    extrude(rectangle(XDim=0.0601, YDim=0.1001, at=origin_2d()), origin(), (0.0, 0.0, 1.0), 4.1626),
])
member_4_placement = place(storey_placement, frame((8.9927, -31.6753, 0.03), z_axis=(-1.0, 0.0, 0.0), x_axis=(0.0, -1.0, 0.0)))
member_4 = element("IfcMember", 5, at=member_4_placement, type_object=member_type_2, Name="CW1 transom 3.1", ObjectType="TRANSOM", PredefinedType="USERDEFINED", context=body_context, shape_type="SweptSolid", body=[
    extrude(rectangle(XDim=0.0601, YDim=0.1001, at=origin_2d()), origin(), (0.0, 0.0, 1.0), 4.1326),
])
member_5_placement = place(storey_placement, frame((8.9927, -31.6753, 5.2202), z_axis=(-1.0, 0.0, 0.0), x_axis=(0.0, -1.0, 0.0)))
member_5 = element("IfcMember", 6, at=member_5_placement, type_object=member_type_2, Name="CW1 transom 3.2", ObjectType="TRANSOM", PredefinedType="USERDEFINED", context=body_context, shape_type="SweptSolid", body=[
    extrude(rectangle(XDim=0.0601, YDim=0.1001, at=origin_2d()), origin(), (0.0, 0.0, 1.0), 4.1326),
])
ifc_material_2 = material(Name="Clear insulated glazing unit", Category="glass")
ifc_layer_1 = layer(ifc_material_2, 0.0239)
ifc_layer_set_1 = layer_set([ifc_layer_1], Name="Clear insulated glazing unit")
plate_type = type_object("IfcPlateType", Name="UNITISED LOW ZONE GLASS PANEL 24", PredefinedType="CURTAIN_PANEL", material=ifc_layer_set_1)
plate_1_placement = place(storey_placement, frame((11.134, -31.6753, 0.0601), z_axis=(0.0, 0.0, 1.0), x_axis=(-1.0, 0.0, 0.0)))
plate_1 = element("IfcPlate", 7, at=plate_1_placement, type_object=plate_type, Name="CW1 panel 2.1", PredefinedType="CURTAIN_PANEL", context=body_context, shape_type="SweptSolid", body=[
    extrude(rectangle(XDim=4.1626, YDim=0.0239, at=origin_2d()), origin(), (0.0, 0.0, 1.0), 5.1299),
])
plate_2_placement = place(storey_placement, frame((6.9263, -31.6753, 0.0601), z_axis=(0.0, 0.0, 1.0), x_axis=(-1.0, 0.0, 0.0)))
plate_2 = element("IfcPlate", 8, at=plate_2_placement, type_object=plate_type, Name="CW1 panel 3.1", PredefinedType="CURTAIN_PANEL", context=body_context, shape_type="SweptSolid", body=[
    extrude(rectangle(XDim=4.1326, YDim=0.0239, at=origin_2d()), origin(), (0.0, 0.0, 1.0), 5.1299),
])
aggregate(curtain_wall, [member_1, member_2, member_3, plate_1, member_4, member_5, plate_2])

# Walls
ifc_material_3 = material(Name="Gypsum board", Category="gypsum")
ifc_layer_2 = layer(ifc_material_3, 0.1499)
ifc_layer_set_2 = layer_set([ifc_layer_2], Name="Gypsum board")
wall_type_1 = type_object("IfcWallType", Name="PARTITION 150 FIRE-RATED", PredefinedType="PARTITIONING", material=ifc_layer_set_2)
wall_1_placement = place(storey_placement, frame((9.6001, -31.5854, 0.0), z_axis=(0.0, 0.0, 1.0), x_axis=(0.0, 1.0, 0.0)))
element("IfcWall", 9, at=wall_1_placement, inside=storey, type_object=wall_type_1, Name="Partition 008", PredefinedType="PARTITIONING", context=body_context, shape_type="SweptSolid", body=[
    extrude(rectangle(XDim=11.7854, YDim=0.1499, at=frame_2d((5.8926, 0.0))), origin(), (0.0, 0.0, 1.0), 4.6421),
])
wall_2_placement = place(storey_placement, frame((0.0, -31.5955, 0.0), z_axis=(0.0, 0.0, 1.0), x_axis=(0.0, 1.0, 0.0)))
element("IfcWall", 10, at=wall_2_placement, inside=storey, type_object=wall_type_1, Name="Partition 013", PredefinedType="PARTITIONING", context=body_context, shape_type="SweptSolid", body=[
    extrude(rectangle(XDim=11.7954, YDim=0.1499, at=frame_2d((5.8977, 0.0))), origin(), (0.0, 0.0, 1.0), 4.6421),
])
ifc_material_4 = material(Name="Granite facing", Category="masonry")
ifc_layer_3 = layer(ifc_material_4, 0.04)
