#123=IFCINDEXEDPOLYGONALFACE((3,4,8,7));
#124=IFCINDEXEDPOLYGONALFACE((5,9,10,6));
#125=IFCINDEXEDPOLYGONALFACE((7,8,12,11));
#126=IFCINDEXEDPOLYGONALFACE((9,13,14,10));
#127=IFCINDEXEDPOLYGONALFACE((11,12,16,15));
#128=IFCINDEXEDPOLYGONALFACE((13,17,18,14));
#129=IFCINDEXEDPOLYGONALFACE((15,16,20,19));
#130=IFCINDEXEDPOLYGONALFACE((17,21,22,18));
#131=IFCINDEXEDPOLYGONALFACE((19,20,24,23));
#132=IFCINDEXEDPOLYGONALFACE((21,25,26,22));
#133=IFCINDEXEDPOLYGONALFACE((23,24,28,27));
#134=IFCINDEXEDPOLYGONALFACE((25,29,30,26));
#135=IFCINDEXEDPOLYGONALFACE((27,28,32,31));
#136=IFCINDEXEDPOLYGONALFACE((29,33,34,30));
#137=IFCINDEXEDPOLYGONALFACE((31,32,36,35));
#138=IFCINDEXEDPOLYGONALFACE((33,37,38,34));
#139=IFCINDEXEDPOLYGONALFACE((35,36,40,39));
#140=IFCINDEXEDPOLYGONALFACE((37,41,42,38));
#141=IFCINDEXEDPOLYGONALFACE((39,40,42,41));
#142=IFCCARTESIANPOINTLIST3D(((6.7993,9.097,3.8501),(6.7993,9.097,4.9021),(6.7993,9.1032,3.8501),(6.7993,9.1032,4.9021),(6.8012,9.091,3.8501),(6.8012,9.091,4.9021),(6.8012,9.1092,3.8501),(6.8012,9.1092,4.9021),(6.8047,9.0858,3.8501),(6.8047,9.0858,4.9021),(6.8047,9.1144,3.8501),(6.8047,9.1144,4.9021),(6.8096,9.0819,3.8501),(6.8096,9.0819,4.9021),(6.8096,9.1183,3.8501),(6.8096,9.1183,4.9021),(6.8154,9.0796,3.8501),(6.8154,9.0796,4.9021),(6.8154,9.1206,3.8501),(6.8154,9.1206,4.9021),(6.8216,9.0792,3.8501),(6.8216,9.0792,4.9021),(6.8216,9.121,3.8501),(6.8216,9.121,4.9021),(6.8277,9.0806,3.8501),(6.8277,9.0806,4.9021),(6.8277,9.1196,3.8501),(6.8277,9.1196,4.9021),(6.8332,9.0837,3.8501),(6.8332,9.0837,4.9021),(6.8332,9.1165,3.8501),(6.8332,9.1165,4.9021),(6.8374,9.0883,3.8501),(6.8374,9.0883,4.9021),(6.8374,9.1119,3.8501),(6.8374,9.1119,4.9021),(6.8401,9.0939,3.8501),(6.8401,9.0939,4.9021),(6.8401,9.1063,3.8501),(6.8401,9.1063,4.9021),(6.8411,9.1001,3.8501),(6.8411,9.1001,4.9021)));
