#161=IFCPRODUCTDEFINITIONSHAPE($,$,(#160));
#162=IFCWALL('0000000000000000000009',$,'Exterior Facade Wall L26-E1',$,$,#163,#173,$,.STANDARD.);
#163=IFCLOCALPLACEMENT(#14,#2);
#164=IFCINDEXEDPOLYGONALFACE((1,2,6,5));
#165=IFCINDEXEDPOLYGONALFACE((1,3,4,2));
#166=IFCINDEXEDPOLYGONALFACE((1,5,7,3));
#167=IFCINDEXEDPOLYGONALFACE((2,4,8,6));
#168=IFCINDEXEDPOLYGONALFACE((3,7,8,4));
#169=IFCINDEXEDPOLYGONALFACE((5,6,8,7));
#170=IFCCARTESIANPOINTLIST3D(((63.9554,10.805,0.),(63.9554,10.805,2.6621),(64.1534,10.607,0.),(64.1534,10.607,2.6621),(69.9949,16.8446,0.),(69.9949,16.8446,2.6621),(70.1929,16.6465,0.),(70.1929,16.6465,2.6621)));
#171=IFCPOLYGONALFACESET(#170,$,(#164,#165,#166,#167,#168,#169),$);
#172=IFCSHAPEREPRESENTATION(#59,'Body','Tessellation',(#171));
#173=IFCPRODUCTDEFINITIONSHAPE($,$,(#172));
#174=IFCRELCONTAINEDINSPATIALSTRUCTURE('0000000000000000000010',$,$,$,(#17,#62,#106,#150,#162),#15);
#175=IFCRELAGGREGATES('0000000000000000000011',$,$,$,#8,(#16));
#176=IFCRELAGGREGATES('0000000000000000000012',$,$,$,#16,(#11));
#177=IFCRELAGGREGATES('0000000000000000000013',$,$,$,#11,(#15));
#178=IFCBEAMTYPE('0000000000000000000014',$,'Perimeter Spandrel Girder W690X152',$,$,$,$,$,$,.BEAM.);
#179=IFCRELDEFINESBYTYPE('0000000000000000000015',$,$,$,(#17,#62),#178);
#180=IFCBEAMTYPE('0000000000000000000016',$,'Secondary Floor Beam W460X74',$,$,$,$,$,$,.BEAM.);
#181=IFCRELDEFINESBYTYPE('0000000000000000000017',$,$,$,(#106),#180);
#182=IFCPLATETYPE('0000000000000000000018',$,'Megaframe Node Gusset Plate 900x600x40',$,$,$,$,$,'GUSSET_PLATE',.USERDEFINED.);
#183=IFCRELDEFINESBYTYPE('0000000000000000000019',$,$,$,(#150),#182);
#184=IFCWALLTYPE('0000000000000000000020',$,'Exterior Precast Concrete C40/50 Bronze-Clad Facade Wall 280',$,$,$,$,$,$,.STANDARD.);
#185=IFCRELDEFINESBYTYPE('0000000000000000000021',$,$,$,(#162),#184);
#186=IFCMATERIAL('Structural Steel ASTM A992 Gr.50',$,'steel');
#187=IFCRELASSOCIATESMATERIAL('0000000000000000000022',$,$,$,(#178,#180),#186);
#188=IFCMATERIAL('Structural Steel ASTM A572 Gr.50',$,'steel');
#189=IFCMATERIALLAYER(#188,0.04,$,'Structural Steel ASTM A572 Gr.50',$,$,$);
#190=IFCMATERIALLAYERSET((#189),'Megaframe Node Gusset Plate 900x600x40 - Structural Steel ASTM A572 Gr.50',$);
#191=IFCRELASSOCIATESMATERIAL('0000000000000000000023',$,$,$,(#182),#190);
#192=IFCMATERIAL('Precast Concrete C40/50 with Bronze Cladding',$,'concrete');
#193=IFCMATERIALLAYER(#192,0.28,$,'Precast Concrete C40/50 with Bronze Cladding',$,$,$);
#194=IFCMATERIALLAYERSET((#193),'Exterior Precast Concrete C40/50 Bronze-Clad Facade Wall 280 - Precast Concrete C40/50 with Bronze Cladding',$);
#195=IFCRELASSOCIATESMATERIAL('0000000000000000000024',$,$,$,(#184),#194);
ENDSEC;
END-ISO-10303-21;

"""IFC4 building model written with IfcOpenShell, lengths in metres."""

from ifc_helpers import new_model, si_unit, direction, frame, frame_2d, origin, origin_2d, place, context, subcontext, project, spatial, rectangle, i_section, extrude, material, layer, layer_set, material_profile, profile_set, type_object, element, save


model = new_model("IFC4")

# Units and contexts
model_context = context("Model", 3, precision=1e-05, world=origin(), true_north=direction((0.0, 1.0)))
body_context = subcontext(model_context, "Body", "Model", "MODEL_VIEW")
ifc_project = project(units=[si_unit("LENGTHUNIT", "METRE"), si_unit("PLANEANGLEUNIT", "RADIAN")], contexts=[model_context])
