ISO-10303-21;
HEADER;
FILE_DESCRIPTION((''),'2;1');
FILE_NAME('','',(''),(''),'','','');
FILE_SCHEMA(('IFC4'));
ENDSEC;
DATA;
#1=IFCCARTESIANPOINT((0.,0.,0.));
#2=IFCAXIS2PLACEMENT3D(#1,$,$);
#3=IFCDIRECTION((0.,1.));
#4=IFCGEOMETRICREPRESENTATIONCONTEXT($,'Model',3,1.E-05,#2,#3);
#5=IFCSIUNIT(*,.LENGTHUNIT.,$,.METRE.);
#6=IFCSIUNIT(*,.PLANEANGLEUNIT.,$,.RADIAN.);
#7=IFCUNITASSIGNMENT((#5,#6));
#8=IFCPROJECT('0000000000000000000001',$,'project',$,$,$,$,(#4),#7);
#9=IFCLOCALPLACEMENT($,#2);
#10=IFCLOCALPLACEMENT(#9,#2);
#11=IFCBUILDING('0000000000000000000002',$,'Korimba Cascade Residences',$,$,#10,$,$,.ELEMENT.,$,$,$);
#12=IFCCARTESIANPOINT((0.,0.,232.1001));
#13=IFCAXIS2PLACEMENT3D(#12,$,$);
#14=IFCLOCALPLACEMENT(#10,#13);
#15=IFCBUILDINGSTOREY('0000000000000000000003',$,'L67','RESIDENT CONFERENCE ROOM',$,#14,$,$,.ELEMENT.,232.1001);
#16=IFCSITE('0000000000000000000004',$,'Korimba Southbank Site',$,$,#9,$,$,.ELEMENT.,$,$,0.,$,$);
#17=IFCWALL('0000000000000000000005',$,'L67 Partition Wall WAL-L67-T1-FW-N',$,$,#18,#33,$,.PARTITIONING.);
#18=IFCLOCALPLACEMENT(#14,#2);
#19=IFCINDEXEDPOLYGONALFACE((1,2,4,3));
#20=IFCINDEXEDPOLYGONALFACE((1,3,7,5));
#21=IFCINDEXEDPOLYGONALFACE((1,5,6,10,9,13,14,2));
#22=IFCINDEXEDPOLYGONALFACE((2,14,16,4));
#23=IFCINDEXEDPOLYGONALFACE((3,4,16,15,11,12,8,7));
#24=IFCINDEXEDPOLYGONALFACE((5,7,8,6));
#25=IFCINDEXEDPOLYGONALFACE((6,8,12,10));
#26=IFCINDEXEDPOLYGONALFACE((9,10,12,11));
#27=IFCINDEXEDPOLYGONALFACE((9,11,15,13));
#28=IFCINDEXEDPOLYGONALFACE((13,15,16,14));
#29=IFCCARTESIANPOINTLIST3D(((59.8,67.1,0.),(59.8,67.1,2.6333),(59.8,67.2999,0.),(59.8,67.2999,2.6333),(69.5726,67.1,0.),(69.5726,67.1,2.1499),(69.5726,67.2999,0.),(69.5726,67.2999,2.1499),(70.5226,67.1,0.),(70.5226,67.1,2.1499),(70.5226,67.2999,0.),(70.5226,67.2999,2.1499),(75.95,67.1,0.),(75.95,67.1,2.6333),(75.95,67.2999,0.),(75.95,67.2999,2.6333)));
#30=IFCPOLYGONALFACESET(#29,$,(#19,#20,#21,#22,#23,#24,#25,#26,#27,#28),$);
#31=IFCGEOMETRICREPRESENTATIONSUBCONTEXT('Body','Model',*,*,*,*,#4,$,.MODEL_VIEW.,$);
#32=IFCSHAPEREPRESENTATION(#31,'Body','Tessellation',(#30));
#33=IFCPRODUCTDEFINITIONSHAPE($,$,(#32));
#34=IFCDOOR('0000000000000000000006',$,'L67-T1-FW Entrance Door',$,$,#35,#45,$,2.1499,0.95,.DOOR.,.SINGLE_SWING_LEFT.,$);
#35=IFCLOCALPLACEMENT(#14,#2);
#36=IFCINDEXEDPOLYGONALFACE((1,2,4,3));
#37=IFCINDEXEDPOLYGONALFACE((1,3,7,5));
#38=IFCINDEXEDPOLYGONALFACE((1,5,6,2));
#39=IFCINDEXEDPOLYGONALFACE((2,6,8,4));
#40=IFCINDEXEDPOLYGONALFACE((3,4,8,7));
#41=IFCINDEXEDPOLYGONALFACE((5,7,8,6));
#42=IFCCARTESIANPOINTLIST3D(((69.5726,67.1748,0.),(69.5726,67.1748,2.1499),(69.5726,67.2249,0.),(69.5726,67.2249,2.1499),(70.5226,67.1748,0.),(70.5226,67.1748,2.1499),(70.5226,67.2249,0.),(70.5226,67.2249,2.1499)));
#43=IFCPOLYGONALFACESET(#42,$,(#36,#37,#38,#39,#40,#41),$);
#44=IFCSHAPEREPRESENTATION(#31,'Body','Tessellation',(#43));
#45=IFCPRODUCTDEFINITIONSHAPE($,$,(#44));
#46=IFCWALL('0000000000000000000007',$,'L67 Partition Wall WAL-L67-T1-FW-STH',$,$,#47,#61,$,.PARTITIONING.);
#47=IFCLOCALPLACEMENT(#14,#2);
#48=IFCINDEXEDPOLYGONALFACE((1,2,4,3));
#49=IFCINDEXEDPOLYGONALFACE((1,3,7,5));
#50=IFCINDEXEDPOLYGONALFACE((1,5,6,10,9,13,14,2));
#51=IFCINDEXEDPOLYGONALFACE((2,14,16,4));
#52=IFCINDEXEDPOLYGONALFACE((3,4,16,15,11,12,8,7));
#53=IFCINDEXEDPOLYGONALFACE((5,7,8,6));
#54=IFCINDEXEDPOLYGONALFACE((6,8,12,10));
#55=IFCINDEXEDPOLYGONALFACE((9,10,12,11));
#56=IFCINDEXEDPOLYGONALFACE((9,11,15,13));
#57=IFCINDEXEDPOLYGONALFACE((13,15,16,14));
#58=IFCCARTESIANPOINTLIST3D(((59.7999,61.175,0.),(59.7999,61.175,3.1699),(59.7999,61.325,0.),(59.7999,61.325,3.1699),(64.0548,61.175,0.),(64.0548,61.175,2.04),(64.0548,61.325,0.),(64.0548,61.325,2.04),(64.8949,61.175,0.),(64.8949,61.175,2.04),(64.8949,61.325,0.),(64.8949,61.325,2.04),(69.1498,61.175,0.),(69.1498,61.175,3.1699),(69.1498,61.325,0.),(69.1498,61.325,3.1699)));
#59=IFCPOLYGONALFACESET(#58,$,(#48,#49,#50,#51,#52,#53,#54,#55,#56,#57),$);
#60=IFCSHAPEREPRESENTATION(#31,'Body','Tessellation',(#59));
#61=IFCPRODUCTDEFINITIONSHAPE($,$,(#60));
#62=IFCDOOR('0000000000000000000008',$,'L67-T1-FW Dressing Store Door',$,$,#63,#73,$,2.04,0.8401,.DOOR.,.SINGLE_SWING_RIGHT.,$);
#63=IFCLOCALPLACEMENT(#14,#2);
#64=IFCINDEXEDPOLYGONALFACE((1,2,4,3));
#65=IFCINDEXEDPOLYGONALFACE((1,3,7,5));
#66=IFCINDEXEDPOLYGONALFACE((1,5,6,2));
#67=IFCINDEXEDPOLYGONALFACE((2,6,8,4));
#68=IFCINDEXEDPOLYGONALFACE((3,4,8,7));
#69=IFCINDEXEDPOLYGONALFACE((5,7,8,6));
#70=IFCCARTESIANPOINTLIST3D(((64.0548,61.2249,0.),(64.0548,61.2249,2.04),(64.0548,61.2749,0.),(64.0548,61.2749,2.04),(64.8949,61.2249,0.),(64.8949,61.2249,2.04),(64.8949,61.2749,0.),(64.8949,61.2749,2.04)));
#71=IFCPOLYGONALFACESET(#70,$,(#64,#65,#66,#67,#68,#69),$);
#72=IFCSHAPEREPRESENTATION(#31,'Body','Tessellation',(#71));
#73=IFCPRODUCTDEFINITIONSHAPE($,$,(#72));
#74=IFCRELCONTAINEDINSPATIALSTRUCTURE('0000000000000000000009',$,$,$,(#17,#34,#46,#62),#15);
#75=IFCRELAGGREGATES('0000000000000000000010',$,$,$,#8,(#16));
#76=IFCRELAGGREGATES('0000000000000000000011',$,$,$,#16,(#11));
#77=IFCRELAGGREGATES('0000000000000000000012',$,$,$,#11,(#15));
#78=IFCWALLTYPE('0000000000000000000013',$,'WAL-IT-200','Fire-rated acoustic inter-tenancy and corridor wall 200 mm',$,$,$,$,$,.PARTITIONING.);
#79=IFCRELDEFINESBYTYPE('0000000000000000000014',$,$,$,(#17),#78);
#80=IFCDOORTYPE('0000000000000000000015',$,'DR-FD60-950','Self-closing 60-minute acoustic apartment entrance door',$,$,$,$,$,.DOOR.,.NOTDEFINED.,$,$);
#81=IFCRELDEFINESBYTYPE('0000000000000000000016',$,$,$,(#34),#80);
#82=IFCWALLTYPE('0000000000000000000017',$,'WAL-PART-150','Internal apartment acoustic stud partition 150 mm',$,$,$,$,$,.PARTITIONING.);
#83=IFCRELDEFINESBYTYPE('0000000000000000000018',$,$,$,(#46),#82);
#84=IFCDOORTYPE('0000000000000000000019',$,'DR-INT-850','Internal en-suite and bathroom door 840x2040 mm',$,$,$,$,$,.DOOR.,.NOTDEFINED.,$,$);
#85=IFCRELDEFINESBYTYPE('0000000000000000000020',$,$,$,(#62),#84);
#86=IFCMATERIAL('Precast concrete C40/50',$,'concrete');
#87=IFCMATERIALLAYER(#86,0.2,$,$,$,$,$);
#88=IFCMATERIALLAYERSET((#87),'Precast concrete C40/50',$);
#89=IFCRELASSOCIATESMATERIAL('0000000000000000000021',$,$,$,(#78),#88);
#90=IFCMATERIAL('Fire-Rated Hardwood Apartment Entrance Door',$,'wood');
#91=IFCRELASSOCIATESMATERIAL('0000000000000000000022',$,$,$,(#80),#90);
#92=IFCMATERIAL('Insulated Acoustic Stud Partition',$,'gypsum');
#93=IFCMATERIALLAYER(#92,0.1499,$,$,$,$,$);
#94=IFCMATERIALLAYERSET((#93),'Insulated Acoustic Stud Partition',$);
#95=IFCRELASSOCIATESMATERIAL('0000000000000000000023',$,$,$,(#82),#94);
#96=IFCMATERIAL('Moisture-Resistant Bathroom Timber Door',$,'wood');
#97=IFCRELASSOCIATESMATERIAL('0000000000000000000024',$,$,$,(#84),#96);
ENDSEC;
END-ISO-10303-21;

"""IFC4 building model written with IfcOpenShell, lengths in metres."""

from ifc_helpers import new_model, si_unit, direction, frame, frame_2d, origin, place, context, subcontext, project, spatial, rectangle, extrude, material, layer, layer_set, type_object, element, fill, save


model = new_model("IFC4")

# Units and contexts
model_context = context("Model", 3, precision=1e-05, world=origin(), true_north=direction((0.0, 1.0)))
body_context = subcontext(model_context, "Body", "Model", "MODEL_VIEW")
ifc_project = project(units=[si_unit("LENGTHUNIT", "METRE"), si_unit("PLANEANGLEUNIT", "RADIAN")], contexts=[model_context])

# Site, building, storey
site_placement = place(None, origin())
site = spatial("IfcSite", under=ifc_project, at=site_placement, Name="Korimba Southbank Site", CompositionType="ELEMENT", RefElevation=0.0)
building_placement = place(site_placement, origin())
building = spatial("IfcBuilding", under=site, at=building_placement, Name="Korimba Cascade Residences", CompositionType="ELEMENT")
storey_placement = place(building_placement, frame((0.0, 0.0, 232.1001)))
storey = spatial("IfcBuildingStorey", under=building, at=storey_placement, Name="L67", Description="RESIDENT CONFERENCE ROOM", CompositionType="ELEMENT", Elevation=232.1001)

# Shared definitions
ifc_material_1 = material(Name="Precast concrete C40/50", Category="concrete")

# Shared definitions
ifc_layer_1 = layer(ifc_material_1, 0.2)
ifc_layer_set_1 = layer_set([ifc_layer_1], Name="Precast concrete C40/50")
wall_type_1 = type_object("IfcWallType", Name="WAL-IT-200", Description="Fire-rated acoustic inter-tenancy and corridor wall 200 mm", PredefinedType="PARTITIONING", material=ifc_layer_set_1)

# Walls, openings, doors
wall_1_placement = place(storey_placement, frame((59.8, 67.2, 0.0), z_axis=(0.0, 0.0, 1.0), x_axis=(1.0, 0.0, 0.0)))
wall_1 = element("IfcWall", 1, at=wall_1_placement, inside=storey, type_object=wall_type_1, Name="L67 Partition Wall WAL-L67-T1-FW-N", PredefinedType="PARTITIONING", context=body_context, shape_type="SweptSolid", body=[
    extrude(rectangle(XDim=16.1499, YDim=0.2, at=frame_2d((8.075, 0.0))), origin(), (0.0, 0.0, 1.0), 2.6333),
])
opening_1_placement = place(wall_1_placement, frame((9.7725, 0.0, 0.0)))
opening_1 = element("IfcOpeningElement", 2, at=opening_1_placement, cuts=wall_1, PredefinedType="OPENING", context=body_context, shape_type="SweptSolid", body=[
    extrude(rectangle(XDim=0.95, YDim=2.1499, at=frame_2d((0.4751, 1.075))), frame((0.0, 0.1099, 0.0), z_axis=(0.0, -1.0, 0.0), x_axis=(1.0, 0.0, 0.0)), (0.0, 0.0, 1.0), 0.22),
])
ifc_material_2 = material(Name="Fire-Rated Hardwood Apartment Entrance Door", Category="wood")
door_type_1 = type_object("IfcDoorType", Name="DR-FD60-950", Description="Self-closing 60-minute acoustic apartment entrance door", OperationType="NOTDEFINED", PredefinedType="DOOR", material=ifc_material_2)
door_1_placement = place(opening_1_placement, origin())
door_1 = element("IfcDoor", 3, at=door_1_placement, inside=storey, type_object=door_type_1, Name="L67-T1-FW Entrance Door", OperationType="SINGLE_SWING_LEFT", OverallHeight=2.1499, OverallWidth=0.95, PredefinedType="DOOR", context=body_context, shape_type="SweptSolid", body=[
    extrude(rectangle(XDim=0.95, YDim=2.1499, at=frame_2d((0.4751, 1.075))), frame((0.0, 0.0249, 0.0), z_axis=(0.0, -1.0, 0.0), x_axis=(1.0, 0.0, 0.0)), (0.0, 0.0, 1.0), 0.05),
])
fill(opening_1, door_1)
ifc_material_3 = material(Name="Insulated Acoustic Stud Partition", Category="gypsum")
ifc_layer_2 = layer(ifc_material_3, 0.1499)
ifc_layer_set_2 = layer_set([ifc_layer_2], Name="Insulated Acoustic Stud Partition")
wall_type_2 = type_object("IfcWallType", Name="WAL-PART-150", Description="Internal apartment acoustic stud partition 150 mm", PredefinedType="PARTITIONING", material=ifc_layer_set_2)
wall_2_placement = place(storey_placement, frame((59.8, 61.25, 0.0), z_axis=(0.0, 0.0, 1.0), x_axis=(1.0, 0.0, 0.0)))
wall_2 = element("IfcWall", 4, at=wall_2_placement, inside=storey, type_object=wall_type_2, Name="L67 Partition Wall WAL-L67-T1-FW-STH", PredefinedType="PARTITIONING", context=body_context, shape_type="SweptSolid", body=[
    extrude(rectangle(XDim=9.3499, YDim=0.1499, at=frame_2d((4.6748, 0.0))), origin(), (0.0, 0.0, 1.0), 3.1699),
])
opening_2_placement = place(wall_2_placement, frame((4.2549, 0.0, 0.0)))
opening_2 = element("IfcOpeningElement", 5, at=opening_2_placement, cuts=wall_2, PredefinedType="OPENING", context=body_context, shape_type="SweptSolid", body=[
    extrude(rectangle(XDim=0.8401, YDim=2.04, at=frame_2d((0.4199, 1.02))), frame((0.0, 0.085, 0.0), z_axis=(0.0, -1.0, 0.0), x_axis=(1.0, 0.0, 0.0)), (0.0, 0.0, 1.0), 0.1699),
])
ifc_material_4 = material(Name="Moisture-Resistant Bathroom Timber Door", Category="wood")
door_type_2 = type_object("IfcDoorType", Name="DR-INT-850", Description="Internal en-suite and bathroom door 840x2040 mm", OperationType="NOTDEFINED", PredefinedType="DOOR", material=ifc_material_4)
door_2_placement = place(opening_2_placement, origin())
door_2 = element("IfcDoor", 6, at=door_2_placement, inside=storey, type_object=door_type_2, Name="L67-T1-FW Dressing Store Door", OperationType="SINGLE_SWING_RIGHT", OverallHeight=2.04, OverallWidth=0.8401, PredefinedType="DOOR", context=body_context, shape_type="SweptSolid", body=[
    extrude(rectangle(XDim=0.8401, YDim=2.04, at=frame_2d((0.4199, 1.02))), frame((0.0, 0.0249, 0.0), z_axis=(0.0, -1.0, 0.0), x_axis=(1.0, 0.0, 0.0)), (0.0, 0.0, 1.0), 0.05),
])
fill(opening_2, door_2)

save(model, "model.ifc")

**ASSIGNMENT**
Return only the lines spanning from the first line of the material through the line with "0.03), z_axis=(-1.0, 0.0, 0.0), x_axis=(0.0, -1.0, 0.0)))", copied exactly, both ends kept.

**REPLY**
    extrude(rectangle(XDim=0.0601, YDim=0.1001, at=origin_2d()), origin(), (0.0, 0.0, 1.0), 4.1626),
])
member_4_placement = place(storey_placement, frame((8.9927, -31.6753, 0.03), z_axis=(-1.0, 0.0, 0.0), x_axis=(0.0, -1.0, 0.0)))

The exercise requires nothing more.